[TASK DESCRIPTION] Tally the lines below that include "Cultural" and give only the total.

[EXTRACTED DATA]

+++

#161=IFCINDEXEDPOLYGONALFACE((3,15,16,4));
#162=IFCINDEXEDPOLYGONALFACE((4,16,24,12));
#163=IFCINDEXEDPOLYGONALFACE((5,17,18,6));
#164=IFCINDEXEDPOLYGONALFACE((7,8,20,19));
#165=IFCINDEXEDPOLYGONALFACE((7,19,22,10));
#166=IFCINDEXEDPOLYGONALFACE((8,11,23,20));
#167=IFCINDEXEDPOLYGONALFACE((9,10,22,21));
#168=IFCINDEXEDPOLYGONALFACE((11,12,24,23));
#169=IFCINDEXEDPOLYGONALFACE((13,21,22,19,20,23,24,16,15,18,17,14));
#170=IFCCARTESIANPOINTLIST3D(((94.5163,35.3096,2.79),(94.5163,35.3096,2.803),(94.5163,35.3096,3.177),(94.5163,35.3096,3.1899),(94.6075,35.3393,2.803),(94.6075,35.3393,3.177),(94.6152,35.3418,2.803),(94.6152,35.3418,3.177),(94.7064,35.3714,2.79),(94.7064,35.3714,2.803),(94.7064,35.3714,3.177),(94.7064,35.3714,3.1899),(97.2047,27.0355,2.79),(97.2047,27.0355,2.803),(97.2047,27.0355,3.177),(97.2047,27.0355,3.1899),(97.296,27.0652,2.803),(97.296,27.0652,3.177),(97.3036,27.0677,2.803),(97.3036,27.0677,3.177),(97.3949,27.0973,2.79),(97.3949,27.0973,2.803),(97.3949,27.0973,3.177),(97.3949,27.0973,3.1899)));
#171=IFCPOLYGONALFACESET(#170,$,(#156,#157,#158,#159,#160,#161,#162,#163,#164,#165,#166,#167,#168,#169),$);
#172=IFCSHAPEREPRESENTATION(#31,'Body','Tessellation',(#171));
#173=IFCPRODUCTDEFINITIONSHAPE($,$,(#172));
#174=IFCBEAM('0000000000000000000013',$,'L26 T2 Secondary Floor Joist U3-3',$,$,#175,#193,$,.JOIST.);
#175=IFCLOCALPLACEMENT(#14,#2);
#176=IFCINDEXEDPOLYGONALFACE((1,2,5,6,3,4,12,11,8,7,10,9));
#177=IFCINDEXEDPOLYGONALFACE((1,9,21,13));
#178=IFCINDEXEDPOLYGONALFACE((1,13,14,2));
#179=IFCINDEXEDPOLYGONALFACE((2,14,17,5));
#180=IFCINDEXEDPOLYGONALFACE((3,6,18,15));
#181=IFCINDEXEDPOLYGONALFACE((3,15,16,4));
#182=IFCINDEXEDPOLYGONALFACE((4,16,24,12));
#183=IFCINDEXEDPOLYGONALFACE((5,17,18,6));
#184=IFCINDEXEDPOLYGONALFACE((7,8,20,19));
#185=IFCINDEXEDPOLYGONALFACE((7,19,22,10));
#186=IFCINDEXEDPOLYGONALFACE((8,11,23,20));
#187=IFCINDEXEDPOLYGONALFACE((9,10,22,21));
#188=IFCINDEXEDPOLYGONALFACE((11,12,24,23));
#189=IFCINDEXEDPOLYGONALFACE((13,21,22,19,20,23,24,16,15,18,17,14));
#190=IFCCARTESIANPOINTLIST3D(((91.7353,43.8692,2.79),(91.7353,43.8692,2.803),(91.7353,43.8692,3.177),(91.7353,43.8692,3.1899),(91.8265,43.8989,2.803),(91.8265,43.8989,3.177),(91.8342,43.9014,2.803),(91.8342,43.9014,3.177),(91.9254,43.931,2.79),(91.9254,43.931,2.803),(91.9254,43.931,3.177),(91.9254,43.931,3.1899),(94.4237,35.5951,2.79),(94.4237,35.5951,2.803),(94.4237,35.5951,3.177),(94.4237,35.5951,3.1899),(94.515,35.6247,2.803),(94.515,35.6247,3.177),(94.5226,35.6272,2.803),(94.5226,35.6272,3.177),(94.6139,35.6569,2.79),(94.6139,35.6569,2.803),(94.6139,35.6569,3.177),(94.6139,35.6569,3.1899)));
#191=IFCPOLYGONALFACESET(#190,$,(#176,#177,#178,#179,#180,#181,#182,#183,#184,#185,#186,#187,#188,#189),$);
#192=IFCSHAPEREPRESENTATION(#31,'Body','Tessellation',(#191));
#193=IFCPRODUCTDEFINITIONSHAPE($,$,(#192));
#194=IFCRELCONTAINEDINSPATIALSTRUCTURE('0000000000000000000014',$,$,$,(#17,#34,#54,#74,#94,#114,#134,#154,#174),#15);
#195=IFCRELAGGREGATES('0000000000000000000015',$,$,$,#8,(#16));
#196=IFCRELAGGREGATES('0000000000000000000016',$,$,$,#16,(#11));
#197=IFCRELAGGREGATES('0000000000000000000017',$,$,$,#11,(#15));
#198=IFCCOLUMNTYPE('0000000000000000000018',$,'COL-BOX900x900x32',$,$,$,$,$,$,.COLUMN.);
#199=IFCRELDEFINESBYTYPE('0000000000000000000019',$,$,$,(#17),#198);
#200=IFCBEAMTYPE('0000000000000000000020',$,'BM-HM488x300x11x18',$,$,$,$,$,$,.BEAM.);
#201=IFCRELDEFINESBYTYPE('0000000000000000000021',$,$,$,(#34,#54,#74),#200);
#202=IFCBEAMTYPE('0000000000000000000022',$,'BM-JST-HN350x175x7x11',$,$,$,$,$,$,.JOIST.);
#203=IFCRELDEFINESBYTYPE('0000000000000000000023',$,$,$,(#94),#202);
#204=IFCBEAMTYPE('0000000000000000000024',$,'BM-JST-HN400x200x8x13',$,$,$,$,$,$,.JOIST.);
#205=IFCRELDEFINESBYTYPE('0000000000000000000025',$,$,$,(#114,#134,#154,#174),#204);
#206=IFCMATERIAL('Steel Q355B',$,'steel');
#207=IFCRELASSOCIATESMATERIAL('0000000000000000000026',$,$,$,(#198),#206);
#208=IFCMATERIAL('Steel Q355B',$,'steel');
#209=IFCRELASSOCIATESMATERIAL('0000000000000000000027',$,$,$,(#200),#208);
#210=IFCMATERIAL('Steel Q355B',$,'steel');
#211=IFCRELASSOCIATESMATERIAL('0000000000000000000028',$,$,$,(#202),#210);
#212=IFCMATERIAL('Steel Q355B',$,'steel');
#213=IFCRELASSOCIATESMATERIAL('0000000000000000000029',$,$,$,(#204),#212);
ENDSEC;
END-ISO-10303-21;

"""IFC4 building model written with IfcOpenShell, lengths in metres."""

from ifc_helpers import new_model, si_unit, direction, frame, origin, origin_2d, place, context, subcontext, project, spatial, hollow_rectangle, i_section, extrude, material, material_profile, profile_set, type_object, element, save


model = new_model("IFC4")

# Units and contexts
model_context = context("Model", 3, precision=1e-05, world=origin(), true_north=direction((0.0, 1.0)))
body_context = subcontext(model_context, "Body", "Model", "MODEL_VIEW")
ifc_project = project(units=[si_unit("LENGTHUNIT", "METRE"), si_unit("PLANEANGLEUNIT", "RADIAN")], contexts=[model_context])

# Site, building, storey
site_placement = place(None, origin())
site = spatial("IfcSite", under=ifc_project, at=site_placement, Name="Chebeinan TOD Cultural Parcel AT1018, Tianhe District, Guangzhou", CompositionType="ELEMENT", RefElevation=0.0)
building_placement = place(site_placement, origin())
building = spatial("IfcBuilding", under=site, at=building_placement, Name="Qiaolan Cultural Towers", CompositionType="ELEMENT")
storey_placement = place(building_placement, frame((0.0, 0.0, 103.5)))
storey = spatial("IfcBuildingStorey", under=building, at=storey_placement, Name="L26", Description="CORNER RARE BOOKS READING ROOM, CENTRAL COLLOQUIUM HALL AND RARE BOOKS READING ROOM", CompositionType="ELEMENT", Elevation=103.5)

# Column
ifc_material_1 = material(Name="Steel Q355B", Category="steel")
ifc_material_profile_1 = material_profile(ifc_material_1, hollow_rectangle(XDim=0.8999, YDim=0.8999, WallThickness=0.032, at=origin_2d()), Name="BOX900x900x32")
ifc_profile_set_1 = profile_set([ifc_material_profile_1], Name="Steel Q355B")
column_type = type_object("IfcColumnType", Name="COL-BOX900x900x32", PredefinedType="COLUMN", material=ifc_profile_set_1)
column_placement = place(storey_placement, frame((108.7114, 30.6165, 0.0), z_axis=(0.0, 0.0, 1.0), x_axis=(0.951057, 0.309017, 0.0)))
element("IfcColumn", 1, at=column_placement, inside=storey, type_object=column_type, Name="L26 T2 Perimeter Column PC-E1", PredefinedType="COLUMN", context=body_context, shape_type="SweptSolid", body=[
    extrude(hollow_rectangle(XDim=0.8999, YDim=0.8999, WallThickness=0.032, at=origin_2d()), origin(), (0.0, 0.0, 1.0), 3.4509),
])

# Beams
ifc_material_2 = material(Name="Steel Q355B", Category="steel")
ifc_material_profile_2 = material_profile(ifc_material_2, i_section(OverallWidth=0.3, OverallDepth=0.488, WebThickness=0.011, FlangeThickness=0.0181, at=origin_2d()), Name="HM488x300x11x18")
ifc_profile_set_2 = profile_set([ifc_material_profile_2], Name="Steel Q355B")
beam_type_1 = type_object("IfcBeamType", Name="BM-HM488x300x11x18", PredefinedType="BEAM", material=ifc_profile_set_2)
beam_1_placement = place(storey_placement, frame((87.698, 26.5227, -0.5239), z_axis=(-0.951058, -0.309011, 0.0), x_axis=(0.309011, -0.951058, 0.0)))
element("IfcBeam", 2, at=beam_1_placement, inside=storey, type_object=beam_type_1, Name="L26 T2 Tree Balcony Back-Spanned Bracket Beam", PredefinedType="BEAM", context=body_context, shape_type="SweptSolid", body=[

+++

[SOLUTION] 2